====== Data for the task

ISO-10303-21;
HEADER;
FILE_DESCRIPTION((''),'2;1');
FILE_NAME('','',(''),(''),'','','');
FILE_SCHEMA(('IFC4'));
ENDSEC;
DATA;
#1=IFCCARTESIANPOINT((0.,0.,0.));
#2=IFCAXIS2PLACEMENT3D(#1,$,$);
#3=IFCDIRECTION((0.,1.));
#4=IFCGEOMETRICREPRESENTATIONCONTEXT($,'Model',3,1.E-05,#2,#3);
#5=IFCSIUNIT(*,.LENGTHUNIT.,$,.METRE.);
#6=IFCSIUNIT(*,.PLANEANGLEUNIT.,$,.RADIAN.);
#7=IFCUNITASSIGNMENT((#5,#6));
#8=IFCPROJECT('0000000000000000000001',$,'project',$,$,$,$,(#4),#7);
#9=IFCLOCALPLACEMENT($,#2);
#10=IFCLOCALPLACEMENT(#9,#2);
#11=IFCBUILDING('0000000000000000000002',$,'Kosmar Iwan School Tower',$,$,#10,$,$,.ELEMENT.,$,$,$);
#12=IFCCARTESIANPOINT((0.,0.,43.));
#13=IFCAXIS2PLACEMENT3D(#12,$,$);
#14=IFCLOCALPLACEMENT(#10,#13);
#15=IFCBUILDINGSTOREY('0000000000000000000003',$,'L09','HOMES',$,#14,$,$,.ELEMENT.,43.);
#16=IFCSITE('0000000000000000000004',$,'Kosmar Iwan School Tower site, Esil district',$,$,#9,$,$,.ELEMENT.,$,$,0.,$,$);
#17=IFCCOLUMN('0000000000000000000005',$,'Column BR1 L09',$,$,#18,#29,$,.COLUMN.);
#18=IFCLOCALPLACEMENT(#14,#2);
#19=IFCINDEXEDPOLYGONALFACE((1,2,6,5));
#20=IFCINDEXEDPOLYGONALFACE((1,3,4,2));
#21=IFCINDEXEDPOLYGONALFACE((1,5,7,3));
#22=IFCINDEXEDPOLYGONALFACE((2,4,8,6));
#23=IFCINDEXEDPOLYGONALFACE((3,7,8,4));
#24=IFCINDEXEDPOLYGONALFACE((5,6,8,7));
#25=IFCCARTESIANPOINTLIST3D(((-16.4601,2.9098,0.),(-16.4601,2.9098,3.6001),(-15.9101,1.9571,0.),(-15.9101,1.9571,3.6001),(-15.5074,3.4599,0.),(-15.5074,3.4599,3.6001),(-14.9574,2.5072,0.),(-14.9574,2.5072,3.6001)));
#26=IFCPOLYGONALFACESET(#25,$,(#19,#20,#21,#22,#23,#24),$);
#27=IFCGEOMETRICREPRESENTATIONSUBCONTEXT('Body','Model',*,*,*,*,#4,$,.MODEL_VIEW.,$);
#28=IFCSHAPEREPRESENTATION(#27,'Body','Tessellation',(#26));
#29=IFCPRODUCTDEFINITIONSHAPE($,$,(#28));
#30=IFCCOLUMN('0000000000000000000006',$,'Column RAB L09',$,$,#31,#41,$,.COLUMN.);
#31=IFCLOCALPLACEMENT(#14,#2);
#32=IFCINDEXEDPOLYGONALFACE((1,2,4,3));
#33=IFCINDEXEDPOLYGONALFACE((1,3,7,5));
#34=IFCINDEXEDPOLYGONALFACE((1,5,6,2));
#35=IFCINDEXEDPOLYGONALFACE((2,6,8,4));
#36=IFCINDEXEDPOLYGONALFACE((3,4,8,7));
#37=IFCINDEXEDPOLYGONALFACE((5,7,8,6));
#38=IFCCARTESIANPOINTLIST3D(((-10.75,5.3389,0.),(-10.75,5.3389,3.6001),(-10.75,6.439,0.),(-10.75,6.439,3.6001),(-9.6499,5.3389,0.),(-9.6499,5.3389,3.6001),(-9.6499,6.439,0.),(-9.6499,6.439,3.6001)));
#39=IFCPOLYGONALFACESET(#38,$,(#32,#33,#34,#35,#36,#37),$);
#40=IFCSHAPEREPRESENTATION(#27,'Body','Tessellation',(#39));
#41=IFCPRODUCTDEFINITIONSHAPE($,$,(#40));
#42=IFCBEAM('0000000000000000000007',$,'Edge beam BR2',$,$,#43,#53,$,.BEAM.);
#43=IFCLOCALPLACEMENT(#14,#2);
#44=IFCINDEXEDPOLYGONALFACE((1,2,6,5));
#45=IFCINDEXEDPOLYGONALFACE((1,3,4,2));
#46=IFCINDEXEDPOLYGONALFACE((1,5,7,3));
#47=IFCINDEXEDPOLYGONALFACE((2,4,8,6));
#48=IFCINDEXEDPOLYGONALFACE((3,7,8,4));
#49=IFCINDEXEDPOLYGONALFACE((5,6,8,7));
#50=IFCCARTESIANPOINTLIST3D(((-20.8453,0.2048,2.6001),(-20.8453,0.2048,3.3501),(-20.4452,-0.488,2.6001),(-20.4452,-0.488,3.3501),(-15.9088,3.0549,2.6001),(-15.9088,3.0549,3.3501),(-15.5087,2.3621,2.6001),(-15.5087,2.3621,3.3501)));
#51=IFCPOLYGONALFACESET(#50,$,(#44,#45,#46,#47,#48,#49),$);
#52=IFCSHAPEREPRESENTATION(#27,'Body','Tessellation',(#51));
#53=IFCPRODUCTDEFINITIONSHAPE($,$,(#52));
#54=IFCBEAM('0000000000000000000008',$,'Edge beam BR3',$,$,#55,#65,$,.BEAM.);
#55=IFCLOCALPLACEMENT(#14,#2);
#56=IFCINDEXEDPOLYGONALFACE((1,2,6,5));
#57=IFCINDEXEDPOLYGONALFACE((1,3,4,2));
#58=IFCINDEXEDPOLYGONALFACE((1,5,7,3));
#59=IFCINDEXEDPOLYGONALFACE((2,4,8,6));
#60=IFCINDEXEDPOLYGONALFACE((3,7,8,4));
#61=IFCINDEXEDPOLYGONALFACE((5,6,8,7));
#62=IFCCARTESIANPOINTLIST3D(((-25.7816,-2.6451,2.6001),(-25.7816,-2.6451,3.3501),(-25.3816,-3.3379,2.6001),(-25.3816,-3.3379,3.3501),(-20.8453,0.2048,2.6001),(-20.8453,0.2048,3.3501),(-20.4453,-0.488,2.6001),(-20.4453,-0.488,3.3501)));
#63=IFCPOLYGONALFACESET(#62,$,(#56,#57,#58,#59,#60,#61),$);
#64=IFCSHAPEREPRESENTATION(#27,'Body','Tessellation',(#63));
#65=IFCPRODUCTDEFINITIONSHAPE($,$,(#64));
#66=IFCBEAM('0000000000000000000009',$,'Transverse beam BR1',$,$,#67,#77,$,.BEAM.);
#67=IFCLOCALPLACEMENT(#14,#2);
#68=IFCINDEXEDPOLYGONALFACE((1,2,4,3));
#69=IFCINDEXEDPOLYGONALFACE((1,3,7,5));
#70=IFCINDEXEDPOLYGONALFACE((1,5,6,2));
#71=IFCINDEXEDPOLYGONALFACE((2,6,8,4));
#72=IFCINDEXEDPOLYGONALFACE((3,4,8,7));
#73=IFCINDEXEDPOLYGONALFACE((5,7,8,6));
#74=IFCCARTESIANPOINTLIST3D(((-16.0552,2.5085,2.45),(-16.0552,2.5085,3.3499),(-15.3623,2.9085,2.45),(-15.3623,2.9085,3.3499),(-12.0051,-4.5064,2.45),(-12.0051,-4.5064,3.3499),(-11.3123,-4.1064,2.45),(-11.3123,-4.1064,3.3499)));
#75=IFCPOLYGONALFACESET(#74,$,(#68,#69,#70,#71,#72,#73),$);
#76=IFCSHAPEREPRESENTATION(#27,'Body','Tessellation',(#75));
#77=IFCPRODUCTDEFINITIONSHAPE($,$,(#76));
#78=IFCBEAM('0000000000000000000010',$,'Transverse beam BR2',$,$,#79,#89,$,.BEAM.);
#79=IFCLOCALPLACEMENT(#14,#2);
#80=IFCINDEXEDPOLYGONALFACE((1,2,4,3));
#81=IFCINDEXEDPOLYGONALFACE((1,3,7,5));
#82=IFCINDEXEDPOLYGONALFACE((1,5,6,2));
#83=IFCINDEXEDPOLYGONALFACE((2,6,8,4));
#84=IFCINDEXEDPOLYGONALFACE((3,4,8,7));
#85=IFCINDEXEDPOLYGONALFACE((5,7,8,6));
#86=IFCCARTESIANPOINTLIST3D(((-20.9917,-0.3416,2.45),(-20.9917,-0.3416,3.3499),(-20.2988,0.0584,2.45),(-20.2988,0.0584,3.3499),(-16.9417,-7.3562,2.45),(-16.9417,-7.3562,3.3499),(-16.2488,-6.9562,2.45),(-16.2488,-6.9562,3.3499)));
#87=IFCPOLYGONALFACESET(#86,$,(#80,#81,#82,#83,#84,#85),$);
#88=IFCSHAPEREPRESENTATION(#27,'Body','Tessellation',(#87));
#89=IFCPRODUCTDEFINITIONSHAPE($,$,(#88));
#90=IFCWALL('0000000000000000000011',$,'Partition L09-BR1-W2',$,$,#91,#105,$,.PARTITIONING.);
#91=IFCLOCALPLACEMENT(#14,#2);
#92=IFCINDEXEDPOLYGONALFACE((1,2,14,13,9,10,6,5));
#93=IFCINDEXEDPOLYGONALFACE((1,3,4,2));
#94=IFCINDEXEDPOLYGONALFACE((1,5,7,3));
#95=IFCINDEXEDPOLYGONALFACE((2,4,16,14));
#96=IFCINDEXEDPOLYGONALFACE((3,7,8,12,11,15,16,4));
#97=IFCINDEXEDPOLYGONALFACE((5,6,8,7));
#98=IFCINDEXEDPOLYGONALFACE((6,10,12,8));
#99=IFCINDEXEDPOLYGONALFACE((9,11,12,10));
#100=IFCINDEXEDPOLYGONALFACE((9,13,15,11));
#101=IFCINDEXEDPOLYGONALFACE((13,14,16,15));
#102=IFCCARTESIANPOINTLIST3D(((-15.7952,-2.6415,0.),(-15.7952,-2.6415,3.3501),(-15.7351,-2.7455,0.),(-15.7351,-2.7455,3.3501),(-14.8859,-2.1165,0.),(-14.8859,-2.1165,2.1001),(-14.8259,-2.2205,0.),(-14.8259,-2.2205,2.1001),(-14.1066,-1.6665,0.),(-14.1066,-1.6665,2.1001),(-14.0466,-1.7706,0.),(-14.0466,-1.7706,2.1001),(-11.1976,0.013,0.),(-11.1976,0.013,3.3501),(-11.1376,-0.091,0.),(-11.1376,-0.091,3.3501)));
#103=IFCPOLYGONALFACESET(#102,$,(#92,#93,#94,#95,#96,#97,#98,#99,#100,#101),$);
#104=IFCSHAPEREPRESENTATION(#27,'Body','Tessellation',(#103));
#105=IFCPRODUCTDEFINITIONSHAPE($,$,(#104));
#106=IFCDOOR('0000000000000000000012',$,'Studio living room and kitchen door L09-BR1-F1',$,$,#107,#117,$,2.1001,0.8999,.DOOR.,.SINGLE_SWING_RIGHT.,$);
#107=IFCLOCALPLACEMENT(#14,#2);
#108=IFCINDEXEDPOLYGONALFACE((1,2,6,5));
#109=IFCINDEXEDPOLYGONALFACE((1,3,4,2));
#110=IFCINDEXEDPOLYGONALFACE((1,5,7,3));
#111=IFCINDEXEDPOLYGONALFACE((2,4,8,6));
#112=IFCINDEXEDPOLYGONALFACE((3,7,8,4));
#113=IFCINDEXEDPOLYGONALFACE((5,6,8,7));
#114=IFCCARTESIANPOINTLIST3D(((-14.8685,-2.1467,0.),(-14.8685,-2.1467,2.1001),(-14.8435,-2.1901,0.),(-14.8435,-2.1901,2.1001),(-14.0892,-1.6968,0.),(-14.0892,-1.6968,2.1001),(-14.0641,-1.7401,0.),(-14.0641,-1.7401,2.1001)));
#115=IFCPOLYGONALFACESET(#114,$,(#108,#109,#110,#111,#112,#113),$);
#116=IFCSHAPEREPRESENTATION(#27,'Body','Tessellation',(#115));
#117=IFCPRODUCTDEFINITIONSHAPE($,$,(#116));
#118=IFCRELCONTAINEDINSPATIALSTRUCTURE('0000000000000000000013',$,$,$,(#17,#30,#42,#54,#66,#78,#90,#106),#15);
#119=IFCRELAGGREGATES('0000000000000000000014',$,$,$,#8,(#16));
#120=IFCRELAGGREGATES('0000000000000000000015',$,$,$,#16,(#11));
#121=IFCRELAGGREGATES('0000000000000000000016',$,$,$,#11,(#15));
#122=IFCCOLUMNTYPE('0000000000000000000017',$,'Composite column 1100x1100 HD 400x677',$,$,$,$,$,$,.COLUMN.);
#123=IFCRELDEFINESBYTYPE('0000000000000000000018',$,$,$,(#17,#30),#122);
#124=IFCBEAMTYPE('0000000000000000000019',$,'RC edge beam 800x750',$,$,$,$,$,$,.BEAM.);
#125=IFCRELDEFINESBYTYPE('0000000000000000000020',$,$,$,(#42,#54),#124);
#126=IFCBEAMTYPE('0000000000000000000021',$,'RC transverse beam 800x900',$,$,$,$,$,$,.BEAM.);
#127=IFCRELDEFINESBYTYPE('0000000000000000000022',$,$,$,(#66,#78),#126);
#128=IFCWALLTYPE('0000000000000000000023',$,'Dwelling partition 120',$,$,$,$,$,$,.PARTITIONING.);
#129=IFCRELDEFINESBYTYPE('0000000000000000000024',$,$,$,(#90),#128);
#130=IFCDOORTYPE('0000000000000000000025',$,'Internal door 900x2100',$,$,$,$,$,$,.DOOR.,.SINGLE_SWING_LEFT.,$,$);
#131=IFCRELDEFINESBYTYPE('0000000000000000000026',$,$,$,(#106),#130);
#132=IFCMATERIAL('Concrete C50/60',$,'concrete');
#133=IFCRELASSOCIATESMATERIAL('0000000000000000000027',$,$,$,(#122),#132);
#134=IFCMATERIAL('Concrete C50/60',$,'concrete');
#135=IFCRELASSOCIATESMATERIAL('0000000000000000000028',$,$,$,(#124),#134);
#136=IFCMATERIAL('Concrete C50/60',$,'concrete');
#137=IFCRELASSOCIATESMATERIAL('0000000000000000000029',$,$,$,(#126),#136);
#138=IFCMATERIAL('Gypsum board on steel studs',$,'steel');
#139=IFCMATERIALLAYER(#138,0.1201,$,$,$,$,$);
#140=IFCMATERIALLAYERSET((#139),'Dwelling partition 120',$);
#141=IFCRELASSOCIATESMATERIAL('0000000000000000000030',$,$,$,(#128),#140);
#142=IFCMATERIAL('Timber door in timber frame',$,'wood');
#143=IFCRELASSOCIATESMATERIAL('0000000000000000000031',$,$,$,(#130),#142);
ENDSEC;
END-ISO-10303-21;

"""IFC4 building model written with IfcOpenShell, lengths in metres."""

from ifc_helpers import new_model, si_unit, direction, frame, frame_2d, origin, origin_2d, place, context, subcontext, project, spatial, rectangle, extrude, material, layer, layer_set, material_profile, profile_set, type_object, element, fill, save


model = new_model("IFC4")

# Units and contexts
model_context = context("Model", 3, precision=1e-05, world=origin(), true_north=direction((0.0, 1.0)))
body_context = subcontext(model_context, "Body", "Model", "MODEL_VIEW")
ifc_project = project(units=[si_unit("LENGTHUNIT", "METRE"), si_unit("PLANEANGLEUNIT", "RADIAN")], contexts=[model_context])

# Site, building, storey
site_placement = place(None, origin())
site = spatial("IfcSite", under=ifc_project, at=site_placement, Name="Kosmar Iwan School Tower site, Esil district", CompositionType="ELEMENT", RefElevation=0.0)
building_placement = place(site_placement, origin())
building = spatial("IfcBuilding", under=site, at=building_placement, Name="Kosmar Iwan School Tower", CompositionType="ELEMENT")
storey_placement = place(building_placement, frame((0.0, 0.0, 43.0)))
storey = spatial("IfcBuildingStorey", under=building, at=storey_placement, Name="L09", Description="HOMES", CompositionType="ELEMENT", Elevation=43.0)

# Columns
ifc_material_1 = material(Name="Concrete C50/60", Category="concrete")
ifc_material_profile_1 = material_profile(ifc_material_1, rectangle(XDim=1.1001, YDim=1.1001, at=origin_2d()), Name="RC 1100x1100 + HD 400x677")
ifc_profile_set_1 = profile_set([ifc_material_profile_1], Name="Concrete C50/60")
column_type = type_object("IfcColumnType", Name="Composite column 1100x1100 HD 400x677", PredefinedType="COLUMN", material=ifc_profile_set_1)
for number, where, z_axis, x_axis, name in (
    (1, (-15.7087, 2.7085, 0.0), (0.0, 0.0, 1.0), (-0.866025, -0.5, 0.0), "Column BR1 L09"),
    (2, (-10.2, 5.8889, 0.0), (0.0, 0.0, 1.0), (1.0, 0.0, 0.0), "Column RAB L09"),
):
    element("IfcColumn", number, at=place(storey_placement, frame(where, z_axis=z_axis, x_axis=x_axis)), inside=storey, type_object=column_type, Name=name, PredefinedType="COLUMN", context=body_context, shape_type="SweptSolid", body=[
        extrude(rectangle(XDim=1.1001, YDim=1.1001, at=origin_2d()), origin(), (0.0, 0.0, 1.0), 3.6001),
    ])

============

● Work instruction
Nothing beyond the lines from the start of the entries through the line with "#10=IFCLOCALPLACEMENT(#9,#2);" should appear. Repeat those lines exactly, both ends included.

● Output of the exercise
ISO-10303-21;
HEADER;
FILE_DESCRIPTION((''),'2;1');
FILE_NAME('','',(''),(''),'','','');
FILE_SCHEMA(('IFC4'));
ENDSEC;
DATA;
#1=IFCCARTESIANPOINT((0.,0.,0.));
#2=IFCAXIS2PLACEMENT3D(#1,$,$);
#3=IFCDIRECTION((0.,1.));
#4=IFCGEOMETRICREPRESENTATIONCONTEXT($,'Model',3,1.E-05,#2,#3);
#5=IFCSIUNIT(*,.LENGTHUNIT.,$,.METRE.);
#6=IFCSIUNIT(*,.PLANEANGLEUNIT.,$,.RADIAN.);
#7=IFCUNITASSIGNMENT((#5,#6));
#8=IFCPROJECT('0000000000000000000001',$,'project',$,$,$,$,(#4),#7);
#9=IFCLOCALPLACEMENT($,#2);
#10=IFCLOCALPLACEMENT(#9,#2);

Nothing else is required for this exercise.